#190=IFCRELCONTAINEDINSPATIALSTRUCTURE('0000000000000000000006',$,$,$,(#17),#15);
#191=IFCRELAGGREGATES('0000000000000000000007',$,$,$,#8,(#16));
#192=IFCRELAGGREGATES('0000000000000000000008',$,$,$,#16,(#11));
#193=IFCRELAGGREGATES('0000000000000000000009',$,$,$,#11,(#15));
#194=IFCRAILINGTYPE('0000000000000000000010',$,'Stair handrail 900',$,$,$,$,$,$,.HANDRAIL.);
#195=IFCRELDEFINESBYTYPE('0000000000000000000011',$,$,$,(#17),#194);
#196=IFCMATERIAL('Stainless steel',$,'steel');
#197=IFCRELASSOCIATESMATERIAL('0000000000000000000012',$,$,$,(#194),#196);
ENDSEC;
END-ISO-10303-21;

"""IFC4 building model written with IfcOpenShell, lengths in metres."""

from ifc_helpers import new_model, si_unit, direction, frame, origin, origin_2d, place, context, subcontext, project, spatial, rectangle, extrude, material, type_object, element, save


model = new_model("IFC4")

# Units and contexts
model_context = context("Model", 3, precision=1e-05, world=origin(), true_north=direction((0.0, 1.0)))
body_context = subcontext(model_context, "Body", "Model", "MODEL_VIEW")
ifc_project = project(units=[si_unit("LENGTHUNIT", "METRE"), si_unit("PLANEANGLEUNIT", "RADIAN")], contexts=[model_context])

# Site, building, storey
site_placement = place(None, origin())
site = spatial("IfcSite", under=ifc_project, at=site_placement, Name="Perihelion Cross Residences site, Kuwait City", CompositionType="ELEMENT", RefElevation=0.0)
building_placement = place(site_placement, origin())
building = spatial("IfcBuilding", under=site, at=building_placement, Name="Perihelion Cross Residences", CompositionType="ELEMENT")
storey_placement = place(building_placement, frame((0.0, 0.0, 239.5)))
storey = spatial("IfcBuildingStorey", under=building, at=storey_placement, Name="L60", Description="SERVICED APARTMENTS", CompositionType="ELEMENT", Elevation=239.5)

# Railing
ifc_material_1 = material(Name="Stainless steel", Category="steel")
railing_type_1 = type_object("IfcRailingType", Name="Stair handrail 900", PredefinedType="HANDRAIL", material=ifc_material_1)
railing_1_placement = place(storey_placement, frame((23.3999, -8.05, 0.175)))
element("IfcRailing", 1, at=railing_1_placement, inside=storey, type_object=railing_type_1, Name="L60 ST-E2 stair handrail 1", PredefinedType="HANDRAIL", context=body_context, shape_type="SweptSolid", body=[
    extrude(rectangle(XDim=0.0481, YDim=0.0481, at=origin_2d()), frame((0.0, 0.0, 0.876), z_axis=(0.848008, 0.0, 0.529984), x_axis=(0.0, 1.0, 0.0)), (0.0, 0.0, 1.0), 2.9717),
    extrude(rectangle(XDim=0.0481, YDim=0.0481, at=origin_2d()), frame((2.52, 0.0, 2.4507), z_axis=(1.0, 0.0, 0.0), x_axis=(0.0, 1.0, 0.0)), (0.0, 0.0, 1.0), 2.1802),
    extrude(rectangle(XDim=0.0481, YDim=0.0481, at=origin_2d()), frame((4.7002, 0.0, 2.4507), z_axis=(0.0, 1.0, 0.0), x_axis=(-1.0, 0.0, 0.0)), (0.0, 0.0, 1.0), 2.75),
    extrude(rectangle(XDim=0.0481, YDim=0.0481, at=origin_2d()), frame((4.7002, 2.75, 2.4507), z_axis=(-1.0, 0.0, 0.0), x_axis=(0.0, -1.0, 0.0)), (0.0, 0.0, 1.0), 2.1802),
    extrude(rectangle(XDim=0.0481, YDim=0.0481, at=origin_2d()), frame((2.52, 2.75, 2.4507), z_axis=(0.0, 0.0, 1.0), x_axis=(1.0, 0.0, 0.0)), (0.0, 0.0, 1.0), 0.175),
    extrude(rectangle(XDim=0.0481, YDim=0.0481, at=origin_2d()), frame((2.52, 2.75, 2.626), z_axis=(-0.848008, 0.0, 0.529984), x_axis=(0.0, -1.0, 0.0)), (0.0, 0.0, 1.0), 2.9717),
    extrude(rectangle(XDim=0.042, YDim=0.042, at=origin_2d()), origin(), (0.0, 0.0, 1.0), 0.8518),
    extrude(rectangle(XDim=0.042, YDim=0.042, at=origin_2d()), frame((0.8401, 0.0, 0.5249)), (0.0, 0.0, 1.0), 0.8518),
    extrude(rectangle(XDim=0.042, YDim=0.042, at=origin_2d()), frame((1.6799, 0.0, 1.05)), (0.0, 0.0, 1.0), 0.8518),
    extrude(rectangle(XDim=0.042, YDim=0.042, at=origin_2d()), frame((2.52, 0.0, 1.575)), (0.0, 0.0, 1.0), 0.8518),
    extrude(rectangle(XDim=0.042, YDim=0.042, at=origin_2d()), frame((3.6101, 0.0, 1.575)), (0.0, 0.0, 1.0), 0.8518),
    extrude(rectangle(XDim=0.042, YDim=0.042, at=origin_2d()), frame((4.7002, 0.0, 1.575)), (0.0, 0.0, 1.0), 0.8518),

--

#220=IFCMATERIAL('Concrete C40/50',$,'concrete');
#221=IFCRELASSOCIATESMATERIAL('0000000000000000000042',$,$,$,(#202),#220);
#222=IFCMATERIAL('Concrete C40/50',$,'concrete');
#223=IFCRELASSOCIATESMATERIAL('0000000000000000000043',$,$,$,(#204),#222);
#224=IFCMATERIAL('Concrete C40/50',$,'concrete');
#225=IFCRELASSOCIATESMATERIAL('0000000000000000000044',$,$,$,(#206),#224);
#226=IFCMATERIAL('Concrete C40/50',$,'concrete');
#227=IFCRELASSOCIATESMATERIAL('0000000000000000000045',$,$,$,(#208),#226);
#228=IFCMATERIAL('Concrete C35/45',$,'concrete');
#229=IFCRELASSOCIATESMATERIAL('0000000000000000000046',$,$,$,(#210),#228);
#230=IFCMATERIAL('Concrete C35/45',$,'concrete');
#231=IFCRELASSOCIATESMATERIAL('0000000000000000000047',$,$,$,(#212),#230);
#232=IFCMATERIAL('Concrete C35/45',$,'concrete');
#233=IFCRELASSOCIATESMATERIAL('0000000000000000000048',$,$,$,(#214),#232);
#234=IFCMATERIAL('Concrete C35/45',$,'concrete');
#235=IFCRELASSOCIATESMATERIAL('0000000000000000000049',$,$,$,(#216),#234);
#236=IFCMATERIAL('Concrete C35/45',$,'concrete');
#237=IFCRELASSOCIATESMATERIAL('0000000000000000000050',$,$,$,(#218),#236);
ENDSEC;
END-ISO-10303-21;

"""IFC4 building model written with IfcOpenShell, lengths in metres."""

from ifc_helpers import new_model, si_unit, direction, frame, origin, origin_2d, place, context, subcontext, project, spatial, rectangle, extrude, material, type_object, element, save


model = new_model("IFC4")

--

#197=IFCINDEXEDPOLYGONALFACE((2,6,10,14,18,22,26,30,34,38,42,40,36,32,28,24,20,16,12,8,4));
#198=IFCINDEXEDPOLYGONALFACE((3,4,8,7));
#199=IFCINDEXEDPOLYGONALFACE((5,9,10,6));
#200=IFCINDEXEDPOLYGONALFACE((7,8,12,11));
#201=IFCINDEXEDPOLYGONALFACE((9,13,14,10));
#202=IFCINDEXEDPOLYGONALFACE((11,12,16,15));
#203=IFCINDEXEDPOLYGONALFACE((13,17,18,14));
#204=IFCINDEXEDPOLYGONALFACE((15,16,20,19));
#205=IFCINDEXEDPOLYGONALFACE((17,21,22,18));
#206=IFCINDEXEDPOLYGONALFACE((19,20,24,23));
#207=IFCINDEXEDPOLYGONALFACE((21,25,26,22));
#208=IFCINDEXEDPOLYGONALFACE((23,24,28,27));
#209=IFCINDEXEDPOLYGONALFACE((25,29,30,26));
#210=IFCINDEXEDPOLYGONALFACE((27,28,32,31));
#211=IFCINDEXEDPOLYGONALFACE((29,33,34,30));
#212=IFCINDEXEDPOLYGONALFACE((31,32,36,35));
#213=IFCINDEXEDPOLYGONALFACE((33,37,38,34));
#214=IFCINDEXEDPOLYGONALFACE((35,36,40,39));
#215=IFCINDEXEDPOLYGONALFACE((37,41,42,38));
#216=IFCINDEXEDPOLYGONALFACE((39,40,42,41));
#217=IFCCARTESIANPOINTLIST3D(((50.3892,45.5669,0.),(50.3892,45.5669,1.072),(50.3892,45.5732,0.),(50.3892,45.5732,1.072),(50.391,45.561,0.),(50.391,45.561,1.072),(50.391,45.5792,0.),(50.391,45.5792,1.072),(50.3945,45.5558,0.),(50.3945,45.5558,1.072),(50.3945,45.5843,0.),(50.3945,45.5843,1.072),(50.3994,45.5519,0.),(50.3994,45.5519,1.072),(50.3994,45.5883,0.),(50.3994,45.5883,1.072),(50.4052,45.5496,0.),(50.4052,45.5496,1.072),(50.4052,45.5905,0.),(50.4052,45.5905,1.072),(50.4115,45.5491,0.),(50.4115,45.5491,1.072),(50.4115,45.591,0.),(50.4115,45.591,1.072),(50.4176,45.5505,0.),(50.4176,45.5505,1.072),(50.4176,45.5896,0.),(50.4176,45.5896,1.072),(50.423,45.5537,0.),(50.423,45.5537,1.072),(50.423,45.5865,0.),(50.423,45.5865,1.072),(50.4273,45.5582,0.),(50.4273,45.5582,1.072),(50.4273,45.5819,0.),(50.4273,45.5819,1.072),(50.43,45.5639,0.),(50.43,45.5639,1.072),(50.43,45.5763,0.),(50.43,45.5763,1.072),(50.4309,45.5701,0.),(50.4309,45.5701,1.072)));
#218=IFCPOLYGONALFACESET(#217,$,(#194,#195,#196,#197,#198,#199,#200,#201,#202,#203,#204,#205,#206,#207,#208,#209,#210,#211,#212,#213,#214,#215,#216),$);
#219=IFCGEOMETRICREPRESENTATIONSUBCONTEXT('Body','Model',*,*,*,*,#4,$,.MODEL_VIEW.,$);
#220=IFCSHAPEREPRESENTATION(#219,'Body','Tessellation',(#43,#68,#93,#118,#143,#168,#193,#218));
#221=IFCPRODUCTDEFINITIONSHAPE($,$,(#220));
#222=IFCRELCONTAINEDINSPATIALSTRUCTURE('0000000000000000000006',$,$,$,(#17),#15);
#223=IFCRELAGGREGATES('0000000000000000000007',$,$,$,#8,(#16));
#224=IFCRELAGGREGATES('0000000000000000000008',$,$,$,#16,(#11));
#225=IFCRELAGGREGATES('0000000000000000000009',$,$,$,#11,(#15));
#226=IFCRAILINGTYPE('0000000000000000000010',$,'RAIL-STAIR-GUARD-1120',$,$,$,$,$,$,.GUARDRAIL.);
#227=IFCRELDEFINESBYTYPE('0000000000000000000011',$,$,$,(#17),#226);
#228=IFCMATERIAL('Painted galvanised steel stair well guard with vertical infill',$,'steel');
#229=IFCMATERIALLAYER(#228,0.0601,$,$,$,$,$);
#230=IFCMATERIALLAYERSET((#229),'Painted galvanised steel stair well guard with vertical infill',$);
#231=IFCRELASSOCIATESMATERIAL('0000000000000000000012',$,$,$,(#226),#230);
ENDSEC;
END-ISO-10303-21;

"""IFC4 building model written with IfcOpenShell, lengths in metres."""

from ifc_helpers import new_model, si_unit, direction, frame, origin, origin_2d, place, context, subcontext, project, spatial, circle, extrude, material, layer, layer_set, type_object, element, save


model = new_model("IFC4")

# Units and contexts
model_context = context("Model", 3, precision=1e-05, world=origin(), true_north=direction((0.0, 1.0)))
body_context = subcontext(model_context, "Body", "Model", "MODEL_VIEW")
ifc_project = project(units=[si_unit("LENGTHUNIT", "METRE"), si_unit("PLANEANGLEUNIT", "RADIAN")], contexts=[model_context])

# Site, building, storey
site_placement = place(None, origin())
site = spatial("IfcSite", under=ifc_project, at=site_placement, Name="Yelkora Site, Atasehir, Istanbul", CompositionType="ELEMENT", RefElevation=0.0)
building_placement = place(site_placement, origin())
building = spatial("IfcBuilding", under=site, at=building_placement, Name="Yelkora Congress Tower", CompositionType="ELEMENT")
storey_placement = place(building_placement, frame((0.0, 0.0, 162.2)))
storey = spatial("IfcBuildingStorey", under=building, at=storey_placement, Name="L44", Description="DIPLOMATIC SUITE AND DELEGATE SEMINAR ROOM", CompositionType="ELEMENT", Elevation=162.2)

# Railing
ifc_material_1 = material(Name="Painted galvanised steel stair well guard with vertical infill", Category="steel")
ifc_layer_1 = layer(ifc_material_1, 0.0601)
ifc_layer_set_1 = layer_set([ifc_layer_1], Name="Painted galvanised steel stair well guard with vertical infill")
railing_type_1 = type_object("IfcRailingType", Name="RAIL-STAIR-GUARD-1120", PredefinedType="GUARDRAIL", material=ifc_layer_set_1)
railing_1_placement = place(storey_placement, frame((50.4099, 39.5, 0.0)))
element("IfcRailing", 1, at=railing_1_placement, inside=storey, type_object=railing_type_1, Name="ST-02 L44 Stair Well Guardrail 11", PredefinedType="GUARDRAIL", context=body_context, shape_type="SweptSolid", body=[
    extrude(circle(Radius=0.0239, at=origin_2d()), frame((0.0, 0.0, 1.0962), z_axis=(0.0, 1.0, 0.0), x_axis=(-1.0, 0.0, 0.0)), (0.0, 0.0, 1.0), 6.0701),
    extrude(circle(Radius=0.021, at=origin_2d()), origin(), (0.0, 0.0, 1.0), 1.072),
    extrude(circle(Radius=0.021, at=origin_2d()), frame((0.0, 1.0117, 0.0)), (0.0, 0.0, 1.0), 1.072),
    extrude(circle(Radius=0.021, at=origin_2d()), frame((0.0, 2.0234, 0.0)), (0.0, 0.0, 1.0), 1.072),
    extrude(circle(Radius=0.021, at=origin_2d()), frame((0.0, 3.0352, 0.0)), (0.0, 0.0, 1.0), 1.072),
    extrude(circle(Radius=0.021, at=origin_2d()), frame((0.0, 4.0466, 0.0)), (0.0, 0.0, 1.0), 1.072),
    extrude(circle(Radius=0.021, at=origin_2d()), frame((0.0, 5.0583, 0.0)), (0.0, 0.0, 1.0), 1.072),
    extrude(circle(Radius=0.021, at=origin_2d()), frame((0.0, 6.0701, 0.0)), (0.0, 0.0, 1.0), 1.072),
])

What you will do
All that belongs in the answer is the run of lines above from the line containing "#201=IFCINDEXEDPOLYGONALFACE((9,13,14,10));" through the line containing "#216=IFCINDEXEDPOLYGONALFACE((39,40,42,41));", exactly as written.

The answer
#201=IFCINDEXEDPOLYGONALFACE((9,13,14,10));
#202=IFCINDEXEDPOLYGONALFACE((11,12,16,15));
#203=IFCINDEXEDPOLYGONALFACE((13,17,18,14));
#204=IFCINDEXEDPOLYGONALFACE((15,16,20,19));
#205=IFCINDEXEDPOLYGONALFACE((17,21,22,18));
#206=IFCINDEXEDPOLYGONALFACE((19,20,24,23));
#207=IFCINDEXEDPOLYGONALFACE((21,25,26,22));
#208=IFCINDEXEDPOLYGONALFACE((23,24,28,27));
#209=IFCINDEXEDPOLYGONALFACE((25,29,30,26));
#210=IFCINDEXEDPOLYGONALFACE((27,28,32,31));
#211=IFCINDEXEDPOLYGONALFACE((29,33,34,30));
#212=IFCINDEXEDPOLYGONALFACE((31,32,36,35));
#213=IFCINDEXEDPOLYGONALFACE((33,37,38,34));
#214=IFCINDEXEDPOLYGONALFACE((35,36,40,39));
#215=IFCINDEXEDPOLYGONALFACE((37,41,42,38));
#216=IFCINDEXEDPOLYGONALFACE((39,40,42,41));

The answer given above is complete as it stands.